=== Section Start ===

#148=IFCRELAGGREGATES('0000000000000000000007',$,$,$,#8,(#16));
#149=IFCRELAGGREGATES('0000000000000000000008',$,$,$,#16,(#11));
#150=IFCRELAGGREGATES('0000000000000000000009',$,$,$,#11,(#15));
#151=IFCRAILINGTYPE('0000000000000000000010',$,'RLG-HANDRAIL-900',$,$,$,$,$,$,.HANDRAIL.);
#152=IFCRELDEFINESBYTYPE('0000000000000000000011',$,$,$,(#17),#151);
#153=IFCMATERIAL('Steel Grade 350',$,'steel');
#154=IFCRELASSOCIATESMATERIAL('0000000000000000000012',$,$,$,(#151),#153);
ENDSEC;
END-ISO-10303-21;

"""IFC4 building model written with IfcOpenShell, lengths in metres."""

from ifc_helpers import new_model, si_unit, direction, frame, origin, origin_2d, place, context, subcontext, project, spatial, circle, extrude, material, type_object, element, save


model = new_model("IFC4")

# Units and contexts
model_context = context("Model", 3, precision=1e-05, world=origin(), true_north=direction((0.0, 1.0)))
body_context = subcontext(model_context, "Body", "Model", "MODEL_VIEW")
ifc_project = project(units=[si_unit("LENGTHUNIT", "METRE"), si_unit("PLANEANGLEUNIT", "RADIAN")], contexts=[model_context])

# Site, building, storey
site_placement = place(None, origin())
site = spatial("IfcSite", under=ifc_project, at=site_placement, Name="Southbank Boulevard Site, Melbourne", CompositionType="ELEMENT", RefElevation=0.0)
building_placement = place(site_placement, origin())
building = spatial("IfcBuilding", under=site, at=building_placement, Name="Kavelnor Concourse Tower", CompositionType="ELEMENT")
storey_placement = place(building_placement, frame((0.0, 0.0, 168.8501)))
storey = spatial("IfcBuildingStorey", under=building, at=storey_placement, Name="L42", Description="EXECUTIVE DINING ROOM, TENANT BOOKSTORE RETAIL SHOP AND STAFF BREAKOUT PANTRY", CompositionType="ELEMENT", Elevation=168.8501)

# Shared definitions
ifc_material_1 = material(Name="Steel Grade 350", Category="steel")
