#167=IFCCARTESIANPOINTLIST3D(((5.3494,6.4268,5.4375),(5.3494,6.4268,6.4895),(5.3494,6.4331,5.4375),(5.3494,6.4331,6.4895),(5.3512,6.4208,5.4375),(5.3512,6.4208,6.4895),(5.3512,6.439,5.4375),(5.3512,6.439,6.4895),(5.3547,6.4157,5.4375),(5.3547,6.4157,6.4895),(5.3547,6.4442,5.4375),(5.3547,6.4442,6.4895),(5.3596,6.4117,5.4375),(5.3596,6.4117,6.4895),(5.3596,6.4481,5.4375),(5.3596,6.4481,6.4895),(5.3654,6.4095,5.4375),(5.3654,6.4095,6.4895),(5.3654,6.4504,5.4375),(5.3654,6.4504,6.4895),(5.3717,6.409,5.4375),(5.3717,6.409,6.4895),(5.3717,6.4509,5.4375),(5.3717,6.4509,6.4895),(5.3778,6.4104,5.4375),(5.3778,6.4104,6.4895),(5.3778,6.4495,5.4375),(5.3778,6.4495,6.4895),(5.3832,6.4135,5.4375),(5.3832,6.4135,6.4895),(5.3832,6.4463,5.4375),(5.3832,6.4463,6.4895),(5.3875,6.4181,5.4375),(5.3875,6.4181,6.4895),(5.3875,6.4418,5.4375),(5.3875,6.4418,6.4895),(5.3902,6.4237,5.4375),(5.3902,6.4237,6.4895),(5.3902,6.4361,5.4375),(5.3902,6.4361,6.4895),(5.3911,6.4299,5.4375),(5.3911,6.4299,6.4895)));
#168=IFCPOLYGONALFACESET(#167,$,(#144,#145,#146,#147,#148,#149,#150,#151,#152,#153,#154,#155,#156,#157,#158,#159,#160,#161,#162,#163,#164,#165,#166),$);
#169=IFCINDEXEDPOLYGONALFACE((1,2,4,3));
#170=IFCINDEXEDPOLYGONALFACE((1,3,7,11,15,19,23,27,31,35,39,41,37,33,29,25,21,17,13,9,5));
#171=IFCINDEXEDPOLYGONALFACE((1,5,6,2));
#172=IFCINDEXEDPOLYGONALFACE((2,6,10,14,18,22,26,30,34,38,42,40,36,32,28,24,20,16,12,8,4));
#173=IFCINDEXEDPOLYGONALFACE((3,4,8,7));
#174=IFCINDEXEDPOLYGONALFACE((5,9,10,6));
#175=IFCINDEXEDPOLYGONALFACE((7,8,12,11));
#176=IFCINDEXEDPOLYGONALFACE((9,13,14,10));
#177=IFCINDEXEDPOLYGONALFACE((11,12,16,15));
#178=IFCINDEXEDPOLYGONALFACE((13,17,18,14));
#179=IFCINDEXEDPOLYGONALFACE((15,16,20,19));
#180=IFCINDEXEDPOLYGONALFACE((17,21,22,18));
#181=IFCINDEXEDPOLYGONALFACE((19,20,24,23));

=== Section End ===

-- Problem details --
Write out every line of the data that holds the word "spatial".

-- Reply --
from ifc_helpers import new_model, si_unit, direction, frame, origin, origin_2d, place, context, subcontext, project, spatial, circle, extrude, material, type_object, element, save
site = spatial("IfcSite", under=ifc_project, at=site_placement, Name="Southbank Boulevard Site, Melbourne", CompositionType="ELEMENT", RefElevation=0.0)
building = spatial("IfcBuilding", under=site, at=building_placement, Name="Kavelnor Concourse Tower", CompositionType="ELEMENT")
storey = spatial("IfcBuildingStorey", under=building, at=storey_placement, Name="L42", Description="EXECUTIVE DINING ROOM, TENANT BOOKSTORE RETAIL SHOP AND STAFF BREAKOUT PANTRY", CompositionType="ELEMENT", Elevation=168.8501)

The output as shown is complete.